*Problem*
In the data below, locate each line with the word "Cross" and list it.
==========
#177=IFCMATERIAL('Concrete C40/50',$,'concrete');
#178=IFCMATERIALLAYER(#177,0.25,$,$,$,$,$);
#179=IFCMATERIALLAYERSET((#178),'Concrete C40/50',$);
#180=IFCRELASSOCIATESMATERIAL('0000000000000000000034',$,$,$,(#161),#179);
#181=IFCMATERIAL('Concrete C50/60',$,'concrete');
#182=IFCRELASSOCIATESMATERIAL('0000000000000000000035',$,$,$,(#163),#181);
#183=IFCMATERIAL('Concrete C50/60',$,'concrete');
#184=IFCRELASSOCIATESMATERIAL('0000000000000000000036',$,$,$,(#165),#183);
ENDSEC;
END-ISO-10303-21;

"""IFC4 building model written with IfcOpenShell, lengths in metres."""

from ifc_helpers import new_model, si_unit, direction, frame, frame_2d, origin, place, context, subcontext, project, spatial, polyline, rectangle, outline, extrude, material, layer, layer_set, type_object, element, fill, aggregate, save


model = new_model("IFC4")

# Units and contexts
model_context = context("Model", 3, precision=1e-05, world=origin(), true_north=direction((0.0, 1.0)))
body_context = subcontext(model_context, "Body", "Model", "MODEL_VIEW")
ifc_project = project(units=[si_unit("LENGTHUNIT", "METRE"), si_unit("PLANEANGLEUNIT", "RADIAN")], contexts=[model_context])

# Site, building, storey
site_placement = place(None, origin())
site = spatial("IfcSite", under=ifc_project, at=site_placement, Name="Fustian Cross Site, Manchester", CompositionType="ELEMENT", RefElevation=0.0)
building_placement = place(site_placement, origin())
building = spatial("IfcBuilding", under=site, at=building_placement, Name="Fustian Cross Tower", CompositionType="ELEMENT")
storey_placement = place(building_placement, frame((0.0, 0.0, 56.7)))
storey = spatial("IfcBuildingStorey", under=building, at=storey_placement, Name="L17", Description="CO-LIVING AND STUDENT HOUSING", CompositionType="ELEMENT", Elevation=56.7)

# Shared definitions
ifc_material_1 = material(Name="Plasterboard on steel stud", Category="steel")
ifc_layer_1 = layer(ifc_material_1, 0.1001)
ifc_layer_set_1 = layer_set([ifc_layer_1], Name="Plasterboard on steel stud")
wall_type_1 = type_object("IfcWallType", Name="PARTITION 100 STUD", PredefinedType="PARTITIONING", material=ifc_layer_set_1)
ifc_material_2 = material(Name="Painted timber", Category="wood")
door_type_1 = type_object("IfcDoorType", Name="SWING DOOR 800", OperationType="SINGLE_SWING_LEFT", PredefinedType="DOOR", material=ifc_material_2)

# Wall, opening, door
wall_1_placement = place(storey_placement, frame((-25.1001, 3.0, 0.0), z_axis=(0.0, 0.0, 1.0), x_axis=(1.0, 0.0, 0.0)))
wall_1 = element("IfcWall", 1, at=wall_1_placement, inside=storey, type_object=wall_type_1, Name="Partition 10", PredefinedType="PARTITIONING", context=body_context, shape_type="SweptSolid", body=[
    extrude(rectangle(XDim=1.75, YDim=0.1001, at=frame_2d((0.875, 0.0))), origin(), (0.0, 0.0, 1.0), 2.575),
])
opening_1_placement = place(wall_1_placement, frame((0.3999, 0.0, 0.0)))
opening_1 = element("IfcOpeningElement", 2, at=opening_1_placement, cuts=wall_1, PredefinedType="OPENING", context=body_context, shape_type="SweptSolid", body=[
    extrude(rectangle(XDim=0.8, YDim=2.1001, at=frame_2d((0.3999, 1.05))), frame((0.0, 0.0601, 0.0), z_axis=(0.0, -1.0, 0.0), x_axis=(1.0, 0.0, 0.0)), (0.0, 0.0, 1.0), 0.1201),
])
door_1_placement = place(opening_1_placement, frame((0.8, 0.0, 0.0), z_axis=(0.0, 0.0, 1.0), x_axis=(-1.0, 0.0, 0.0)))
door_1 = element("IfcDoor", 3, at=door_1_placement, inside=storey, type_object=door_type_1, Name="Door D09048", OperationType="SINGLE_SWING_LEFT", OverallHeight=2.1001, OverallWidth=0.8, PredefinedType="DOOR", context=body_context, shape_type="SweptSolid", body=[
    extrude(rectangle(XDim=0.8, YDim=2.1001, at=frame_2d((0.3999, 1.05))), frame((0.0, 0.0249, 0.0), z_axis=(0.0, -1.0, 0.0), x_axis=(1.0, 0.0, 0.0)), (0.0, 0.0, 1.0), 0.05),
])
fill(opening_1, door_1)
==========
*The completed task*
site = spatial("IfcSite", under=ifc_project, at=site_placement, Name="Fustian Cross Site, Manchester", CompositionType="ELEMENT", RefElevation=0.0)
building = spatial("IfcBuilding", under=site, at=building_placement, Name="Fustian Cross Tower", CompositionType="ELEMENT")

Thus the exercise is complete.